Your reply should be one number: how many lines of the records below contain the string "Grade".

** Opening INPUT block **

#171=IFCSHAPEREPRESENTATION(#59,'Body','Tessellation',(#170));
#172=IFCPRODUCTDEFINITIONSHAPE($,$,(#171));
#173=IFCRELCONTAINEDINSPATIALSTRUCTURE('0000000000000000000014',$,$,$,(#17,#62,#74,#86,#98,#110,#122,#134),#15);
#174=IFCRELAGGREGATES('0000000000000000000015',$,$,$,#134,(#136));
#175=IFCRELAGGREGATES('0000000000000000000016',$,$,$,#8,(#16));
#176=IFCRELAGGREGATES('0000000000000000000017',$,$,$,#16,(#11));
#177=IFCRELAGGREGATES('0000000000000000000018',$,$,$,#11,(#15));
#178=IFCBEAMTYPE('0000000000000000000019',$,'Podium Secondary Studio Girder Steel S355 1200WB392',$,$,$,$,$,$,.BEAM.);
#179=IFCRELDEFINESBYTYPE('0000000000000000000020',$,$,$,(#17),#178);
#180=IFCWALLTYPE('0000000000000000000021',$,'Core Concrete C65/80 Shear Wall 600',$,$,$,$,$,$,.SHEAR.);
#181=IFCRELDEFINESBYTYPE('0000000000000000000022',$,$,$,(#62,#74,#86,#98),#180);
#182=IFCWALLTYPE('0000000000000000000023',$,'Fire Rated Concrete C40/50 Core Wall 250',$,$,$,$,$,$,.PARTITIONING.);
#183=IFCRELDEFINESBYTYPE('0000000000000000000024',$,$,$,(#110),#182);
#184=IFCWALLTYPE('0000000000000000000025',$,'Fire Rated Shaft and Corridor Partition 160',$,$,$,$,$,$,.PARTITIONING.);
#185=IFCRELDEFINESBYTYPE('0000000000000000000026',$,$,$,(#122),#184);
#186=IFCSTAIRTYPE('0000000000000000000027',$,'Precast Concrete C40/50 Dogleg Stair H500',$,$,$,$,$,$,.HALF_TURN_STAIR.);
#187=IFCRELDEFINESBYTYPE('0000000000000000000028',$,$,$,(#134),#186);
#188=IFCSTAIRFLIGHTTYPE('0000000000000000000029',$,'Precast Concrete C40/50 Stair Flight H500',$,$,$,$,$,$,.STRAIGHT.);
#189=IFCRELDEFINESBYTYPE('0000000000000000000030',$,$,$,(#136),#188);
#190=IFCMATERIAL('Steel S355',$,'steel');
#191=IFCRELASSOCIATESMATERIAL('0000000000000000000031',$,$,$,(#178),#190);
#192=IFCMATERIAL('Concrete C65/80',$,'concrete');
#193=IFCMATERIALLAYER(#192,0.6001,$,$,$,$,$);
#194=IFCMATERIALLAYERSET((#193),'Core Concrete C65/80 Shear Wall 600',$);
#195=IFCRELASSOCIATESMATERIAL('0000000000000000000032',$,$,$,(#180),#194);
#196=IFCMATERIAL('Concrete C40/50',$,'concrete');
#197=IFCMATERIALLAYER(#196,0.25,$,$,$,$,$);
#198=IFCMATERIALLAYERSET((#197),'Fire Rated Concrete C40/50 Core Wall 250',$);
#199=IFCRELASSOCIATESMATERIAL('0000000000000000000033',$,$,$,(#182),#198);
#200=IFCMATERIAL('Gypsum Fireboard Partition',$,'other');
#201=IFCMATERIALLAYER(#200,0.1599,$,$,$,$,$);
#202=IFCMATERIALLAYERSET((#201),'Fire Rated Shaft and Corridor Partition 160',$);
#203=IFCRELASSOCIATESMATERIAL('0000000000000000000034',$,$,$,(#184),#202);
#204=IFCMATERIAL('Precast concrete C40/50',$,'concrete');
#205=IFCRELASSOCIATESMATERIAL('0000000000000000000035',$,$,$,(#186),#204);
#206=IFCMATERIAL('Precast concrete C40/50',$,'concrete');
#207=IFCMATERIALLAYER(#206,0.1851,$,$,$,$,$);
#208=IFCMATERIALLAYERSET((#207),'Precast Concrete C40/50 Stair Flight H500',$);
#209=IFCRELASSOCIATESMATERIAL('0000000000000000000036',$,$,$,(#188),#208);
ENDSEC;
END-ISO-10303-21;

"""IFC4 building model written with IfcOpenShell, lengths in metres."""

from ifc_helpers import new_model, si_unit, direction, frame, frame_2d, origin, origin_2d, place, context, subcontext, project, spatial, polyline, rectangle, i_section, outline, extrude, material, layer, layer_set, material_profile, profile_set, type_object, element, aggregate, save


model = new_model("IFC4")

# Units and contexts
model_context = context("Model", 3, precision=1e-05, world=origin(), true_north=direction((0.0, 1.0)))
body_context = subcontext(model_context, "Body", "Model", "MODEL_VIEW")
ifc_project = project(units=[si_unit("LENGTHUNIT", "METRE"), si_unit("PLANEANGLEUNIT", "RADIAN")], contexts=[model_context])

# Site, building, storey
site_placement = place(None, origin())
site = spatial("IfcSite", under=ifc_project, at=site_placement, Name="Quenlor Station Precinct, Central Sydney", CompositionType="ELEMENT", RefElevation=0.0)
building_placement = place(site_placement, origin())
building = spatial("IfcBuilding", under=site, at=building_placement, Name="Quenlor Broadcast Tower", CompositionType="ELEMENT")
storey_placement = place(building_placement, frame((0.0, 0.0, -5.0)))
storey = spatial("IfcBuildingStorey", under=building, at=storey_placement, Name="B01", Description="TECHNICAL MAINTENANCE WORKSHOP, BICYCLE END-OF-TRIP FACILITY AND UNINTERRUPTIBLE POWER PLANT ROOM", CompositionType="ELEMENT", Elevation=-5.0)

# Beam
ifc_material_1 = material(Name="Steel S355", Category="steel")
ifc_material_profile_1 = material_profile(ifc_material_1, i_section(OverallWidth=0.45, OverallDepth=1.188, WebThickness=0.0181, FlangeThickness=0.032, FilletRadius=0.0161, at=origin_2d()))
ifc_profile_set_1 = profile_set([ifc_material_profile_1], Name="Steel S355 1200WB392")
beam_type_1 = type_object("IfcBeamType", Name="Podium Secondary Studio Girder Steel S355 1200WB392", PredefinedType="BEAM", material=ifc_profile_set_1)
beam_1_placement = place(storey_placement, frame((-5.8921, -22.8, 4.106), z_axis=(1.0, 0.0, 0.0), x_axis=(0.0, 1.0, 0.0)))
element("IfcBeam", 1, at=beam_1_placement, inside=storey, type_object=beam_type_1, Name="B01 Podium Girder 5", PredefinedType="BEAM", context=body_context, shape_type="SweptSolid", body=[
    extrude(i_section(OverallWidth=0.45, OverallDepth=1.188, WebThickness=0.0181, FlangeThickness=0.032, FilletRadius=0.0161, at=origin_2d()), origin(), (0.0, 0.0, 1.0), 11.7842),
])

** Closing INPUT block **
** Opening INPUT block **

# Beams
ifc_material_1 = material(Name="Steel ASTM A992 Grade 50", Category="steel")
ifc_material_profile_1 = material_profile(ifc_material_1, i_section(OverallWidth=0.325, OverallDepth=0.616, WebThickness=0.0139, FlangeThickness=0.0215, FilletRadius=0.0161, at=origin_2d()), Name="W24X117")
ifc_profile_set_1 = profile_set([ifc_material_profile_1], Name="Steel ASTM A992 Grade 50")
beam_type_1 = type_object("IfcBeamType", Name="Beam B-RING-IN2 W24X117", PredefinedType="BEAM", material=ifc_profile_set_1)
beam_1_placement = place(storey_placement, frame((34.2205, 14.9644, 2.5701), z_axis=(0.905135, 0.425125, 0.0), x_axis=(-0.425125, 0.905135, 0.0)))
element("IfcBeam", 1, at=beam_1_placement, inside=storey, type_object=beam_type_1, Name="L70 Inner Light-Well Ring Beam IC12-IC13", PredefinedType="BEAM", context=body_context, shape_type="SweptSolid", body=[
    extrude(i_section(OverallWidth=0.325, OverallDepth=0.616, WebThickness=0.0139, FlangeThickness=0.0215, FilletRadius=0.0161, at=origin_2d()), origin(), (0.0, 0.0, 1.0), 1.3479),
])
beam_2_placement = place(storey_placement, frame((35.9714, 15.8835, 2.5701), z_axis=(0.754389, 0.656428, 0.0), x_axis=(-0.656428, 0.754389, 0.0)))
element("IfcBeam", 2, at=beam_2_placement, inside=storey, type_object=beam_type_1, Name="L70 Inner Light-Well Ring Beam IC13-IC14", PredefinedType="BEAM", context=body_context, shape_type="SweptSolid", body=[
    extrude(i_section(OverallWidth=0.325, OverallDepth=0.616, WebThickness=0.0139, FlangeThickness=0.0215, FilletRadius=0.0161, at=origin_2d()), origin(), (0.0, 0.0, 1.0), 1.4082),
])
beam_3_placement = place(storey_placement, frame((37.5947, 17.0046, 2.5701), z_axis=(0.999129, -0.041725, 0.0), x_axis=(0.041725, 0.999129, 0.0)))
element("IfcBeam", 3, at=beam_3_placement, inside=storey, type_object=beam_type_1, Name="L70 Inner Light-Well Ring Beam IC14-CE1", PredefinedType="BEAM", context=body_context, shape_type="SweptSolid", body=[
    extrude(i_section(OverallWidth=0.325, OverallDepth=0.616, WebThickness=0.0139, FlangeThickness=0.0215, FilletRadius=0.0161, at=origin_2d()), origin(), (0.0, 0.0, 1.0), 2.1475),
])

** Closing INPUT block **

• RESULT OF THE EXERCISE:
2